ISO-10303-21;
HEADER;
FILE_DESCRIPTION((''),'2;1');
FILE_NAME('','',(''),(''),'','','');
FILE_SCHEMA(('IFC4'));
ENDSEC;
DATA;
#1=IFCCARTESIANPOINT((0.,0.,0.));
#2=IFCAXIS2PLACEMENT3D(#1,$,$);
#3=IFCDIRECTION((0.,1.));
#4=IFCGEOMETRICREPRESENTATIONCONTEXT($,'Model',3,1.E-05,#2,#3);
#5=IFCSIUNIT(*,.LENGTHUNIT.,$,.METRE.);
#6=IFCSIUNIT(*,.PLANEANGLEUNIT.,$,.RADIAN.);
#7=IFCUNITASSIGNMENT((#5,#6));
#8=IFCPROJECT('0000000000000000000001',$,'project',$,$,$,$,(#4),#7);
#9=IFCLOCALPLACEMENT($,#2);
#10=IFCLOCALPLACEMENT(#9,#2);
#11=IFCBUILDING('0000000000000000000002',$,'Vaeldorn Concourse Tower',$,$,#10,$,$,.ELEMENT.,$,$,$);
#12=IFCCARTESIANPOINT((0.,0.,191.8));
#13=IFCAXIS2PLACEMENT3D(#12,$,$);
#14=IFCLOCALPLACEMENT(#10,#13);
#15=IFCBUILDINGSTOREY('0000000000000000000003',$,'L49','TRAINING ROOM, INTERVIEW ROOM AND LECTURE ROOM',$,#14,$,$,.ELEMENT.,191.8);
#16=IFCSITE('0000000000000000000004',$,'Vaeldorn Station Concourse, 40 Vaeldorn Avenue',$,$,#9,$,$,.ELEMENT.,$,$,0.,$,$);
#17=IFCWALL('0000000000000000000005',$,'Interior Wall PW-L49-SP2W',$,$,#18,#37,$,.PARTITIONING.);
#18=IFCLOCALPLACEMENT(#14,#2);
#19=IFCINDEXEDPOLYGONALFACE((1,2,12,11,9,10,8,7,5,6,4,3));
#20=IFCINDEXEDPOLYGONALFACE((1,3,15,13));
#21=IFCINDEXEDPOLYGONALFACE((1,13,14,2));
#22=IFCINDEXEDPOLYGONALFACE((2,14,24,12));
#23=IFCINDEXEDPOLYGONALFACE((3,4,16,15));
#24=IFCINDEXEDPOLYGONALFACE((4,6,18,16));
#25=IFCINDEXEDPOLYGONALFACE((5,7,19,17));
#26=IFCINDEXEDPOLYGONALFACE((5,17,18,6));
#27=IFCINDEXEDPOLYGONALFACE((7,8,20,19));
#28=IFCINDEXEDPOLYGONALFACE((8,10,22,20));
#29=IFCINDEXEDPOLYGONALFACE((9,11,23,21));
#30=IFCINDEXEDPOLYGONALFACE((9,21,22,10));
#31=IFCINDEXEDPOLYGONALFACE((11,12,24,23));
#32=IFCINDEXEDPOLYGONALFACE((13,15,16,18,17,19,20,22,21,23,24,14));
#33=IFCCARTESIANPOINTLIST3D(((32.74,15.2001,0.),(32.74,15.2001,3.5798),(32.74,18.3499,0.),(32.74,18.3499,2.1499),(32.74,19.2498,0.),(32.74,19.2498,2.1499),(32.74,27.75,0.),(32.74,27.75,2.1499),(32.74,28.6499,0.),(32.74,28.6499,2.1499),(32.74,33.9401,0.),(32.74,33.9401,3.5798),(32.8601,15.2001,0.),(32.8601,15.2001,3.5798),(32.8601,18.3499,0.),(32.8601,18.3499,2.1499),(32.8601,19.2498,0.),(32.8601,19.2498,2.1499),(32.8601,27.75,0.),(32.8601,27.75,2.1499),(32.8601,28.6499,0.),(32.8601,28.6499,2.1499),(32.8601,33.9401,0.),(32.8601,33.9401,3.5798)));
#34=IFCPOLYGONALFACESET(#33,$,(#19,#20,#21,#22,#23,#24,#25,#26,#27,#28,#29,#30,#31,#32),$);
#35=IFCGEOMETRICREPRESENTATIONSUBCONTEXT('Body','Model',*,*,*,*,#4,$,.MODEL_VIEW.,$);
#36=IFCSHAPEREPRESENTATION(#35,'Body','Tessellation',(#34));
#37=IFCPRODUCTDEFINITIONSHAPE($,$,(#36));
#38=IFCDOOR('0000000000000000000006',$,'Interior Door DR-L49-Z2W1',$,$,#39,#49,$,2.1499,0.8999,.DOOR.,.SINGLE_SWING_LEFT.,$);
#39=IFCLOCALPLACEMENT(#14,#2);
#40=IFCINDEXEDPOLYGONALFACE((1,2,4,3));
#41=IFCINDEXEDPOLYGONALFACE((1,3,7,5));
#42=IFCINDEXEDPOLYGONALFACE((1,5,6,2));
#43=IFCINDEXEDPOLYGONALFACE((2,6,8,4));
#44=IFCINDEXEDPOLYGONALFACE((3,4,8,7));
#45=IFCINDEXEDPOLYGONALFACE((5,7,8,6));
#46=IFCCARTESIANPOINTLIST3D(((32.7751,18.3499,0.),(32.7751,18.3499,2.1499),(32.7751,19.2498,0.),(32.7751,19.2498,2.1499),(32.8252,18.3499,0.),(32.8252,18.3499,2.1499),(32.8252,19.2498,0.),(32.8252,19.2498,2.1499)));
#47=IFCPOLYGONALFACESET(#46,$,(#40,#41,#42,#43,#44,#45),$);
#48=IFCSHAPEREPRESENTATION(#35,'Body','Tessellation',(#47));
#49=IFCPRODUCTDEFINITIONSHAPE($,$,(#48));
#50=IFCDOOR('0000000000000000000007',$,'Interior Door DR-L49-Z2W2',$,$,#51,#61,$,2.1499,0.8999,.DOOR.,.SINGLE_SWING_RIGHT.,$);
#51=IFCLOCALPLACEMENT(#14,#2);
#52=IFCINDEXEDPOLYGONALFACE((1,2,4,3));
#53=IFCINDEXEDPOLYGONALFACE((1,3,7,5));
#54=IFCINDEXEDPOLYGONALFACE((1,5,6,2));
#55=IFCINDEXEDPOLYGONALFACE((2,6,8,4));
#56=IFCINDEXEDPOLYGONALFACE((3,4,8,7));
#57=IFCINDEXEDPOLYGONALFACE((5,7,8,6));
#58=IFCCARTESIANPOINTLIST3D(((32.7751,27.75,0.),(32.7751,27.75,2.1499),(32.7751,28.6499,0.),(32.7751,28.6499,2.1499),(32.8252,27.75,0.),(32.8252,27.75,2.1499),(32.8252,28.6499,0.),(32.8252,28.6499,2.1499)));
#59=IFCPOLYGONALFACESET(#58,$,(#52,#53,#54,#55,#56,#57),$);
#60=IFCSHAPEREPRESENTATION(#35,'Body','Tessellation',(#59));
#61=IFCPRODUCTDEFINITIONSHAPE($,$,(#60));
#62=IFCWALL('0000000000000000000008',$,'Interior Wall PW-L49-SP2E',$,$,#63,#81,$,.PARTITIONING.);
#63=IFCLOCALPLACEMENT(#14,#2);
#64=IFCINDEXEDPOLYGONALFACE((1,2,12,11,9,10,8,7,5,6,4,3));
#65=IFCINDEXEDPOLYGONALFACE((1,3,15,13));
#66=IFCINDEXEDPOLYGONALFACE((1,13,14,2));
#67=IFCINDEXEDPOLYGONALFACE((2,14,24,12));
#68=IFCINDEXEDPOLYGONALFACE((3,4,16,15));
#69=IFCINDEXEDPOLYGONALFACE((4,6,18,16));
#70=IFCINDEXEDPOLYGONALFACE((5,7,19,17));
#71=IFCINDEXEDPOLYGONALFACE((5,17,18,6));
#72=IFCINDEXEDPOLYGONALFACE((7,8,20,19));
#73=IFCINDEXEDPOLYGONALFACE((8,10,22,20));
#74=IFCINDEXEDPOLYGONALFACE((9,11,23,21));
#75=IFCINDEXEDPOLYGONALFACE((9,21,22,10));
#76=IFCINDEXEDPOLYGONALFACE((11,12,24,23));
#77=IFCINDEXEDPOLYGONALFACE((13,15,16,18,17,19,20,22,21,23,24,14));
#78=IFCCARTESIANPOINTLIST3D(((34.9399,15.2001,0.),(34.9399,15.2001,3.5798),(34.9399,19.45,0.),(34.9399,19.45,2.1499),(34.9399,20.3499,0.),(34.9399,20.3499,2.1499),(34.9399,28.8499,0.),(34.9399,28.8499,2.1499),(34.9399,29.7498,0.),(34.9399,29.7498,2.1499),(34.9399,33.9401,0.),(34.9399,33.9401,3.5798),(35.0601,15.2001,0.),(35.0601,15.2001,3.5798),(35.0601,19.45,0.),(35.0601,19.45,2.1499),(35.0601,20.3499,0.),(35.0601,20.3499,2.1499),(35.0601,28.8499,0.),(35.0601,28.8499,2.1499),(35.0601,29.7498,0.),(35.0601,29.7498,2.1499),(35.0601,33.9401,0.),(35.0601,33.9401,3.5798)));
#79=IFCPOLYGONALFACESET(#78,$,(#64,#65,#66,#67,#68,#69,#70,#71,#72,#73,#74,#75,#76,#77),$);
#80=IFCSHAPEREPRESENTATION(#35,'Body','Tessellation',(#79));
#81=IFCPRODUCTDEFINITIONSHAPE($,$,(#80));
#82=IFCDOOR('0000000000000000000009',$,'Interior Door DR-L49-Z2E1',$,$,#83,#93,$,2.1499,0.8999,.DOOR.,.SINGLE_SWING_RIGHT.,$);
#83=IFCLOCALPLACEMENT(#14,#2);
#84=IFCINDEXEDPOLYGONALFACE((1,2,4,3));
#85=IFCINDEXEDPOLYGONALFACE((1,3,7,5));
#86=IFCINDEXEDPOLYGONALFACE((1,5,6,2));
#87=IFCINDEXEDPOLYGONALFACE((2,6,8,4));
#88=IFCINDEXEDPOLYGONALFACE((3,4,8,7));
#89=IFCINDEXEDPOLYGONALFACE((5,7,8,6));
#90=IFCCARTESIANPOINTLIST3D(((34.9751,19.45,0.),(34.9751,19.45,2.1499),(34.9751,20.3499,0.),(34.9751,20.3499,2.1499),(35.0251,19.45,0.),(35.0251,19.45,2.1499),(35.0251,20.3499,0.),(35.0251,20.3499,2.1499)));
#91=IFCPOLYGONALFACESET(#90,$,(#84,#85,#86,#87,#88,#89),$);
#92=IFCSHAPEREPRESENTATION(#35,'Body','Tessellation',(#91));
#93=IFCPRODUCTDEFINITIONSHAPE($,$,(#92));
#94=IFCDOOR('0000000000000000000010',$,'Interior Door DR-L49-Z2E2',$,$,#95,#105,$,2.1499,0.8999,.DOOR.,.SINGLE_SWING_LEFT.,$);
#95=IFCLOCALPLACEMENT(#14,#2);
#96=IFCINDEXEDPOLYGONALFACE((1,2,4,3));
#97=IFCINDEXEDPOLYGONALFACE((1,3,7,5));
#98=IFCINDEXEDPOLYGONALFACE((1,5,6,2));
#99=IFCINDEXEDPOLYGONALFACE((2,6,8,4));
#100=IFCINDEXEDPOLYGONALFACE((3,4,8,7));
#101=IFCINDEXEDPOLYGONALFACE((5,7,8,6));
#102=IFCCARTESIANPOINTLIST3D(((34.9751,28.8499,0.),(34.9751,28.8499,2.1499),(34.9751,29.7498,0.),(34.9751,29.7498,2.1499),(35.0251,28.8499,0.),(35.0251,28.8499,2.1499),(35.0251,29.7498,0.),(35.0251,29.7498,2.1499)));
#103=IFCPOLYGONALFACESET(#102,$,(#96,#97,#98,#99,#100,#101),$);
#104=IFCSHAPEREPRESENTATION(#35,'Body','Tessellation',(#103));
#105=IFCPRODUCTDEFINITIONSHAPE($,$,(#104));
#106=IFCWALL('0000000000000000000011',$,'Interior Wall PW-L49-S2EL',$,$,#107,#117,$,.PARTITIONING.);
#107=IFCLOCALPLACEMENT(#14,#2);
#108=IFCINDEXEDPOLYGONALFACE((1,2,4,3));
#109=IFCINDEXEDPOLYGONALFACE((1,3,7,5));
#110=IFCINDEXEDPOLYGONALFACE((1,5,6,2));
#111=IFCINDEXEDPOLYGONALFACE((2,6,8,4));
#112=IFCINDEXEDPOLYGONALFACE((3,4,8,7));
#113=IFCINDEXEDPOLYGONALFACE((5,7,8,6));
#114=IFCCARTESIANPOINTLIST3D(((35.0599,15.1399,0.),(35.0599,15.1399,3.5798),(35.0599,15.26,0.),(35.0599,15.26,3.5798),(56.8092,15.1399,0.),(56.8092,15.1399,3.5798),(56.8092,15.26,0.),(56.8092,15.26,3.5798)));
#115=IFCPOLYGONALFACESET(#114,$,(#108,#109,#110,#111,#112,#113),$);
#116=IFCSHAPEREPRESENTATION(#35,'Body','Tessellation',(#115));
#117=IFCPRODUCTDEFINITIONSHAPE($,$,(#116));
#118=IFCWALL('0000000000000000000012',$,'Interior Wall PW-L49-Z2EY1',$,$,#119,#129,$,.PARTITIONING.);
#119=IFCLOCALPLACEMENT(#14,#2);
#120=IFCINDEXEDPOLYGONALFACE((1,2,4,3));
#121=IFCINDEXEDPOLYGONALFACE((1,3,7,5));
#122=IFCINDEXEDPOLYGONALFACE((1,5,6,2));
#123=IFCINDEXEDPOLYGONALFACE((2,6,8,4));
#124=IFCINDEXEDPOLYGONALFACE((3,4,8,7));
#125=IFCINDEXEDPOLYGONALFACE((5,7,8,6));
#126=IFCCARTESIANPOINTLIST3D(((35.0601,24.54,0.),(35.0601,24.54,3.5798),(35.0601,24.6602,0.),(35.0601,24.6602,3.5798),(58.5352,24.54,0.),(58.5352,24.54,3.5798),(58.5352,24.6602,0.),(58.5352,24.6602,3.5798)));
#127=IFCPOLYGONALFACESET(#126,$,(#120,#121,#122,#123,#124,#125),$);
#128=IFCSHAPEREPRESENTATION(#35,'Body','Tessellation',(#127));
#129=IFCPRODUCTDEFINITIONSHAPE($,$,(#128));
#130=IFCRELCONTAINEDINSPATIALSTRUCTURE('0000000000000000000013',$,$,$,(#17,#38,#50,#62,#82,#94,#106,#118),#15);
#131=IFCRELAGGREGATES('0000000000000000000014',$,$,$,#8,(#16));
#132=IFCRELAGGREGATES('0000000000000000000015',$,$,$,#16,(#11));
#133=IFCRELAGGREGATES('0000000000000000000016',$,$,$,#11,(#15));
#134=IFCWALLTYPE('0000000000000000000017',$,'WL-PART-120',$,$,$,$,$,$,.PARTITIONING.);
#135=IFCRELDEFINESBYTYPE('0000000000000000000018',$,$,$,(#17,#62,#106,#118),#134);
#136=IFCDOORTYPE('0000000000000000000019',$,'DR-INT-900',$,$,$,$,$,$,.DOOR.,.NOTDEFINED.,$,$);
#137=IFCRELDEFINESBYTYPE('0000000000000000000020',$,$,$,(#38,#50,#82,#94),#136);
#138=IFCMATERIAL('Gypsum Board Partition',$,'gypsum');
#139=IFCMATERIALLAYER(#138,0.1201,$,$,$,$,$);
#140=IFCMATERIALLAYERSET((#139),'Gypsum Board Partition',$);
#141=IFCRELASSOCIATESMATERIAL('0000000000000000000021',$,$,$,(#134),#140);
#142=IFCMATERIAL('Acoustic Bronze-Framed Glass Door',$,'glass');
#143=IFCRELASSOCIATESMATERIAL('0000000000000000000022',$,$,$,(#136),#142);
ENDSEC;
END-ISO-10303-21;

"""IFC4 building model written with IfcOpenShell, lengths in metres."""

from ifc_helpers import new_model, si_unit, direction, frame, frame_2d, origin, place, context, subcontext, project, spatial, rectangle, extrude, source, transform, mapped, material, layer, layer_set, type_object, element, fill, save


model = new_model("IFC4")

# Units and contexts
model_context = context("Model", 3, precision=1e-05, world=origin(), true_north=direction((0.0, 1.0)))
body_context = subcontext(model_context, "Body", "Model", "MODEL_VIEW")
ifc_project = project(units=[si_unit("LENGTHUNIT", "METRE"), si_unit("PLANEANGLEUNIT", "RADIAN")], contexts=[model_context])

# Site, building, storey
site_placement = place(None, origin())
site = spatial("IfcSite", under=ifc_project, at=site_placement, Name="Vaeldorn Station Concourse, 40 Vaeldorn Avenue", CompositionType="ELEMENT", RefElevation=0.0)
building_placement = place(site_placement, origin())
building = spatial("IfcBuilding", under=site, at=building_placement, Name="Vaeldorn Concourse Tower", CompositionType="ELEMENT")
storey_placement = place(building_placement, frame((0.0, 0.0, 191.8)))
storey = spatial("IfcBuildingStorey", under=building, at=storey_placement, Name="L49", Description="TRAINING ROOM, INTERVIEW ROOM AND LECTURE ROOM", CompositionType="ELEMENT", Elevation=191.8)

# Shared definitions
ifc_material_1 = material(Name="Gypsum Board Partition", Category="gypsum")
ifc_layer_1 = layer(ifc_material_1, 0.1201)
ifc_layer_set_1 = layer_set([ifc_layer_1], Name="Gypsum Board Partition")
wall_type_1 = type_object("IfcWallType", Name="WL-PART-120", PredefinedType="PARTITIONING", material=ifc_layer_set_1)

────

**TASK PROMPT**: One number only, please: the count of lines in the data that hold the word "IFCLOCALPLACEMENT".

**TASK RESPONSE**: 11